Task brief: Which lines of the data below contain "stud"? Please show them all.
---
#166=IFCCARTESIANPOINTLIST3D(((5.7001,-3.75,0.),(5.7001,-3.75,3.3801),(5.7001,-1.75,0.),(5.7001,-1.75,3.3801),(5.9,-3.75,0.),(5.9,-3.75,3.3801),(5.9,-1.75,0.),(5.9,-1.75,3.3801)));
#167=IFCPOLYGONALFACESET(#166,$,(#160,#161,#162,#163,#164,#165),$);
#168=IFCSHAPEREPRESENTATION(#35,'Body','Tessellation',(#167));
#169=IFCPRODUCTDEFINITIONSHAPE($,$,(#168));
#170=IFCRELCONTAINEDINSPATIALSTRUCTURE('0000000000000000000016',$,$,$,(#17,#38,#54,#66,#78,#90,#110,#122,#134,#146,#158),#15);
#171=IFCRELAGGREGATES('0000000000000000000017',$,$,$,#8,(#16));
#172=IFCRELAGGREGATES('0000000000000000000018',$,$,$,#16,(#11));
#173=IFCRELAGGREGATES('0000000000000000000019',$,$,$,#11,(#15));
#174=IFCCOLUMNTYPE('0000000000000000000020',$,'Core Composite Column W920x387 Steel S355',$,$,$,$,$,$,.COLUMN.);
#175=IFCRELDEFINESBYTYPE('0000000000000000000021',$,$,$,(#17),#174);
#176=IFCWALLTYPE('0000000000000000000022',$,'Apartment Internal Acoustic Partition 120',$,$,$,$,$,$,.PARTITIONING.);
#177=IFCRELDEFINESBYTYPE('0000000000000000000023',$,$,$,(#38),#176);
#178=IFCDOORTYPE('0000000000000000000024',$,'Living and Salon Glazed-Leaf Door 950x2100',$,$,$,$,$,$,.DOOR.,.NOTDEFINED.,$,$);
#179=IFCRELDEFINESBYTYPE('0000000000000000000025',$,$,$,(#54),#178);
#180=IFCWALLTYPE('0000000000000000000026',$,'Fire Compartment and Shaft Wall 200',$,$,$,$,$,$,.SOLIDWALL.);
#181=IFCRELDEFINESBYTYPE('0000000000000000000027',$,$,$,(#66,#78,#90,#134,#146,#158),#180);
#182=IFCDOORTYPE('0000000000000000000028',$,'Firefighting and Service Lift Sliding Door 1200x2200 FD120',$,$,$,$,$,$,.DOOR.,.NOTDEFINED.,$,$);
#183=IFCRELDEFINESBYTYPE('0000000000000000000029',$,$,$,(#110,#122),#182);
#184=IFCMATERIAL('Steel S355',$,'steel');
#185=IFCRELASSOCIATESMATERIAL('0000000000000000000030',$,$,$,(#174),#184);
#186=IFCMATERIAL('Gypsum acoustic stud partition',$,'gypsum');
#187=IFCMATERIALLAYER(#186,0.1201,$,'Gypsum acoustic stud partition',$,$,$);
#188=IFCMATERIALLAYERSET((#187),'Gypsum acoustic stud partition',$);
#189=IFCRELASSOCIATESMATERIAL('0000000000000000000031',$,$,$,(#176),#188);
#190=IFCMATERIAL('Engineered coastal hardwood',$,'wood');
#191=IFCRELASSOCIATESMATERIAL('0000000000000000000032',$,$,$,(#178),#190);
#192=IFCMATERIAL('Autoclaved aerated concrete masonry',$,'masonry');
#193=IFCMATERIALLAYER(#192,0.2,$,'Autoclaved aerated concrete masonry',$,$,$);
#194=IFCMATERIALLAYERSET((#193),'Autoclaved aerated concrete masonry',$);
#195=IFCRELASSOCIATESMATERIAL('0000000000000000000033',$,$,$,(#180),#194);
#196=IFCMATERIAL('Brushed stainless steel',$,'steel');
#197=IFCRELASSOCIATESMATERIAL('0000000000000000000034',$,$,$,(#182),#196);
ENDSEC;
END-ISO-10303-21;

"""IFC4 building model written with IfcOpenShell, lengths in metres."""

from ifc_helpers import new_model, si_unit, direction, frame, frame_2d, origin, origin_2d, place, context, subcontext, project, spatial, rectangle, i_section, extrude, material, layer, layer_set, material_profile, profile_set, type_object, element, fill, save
---
Solved exercise:
#186=IFCMATERIAL('Gypsum acoustic stud partition',$,'gypsum');
#187=IFCMATERIALLAYER(#186,0.1201,$,'Gypsum acoustic stud partition',$,$,$);
#188=IFCMATERIALLAYERSET((#187),'Gypsum acoustic stud partition',$);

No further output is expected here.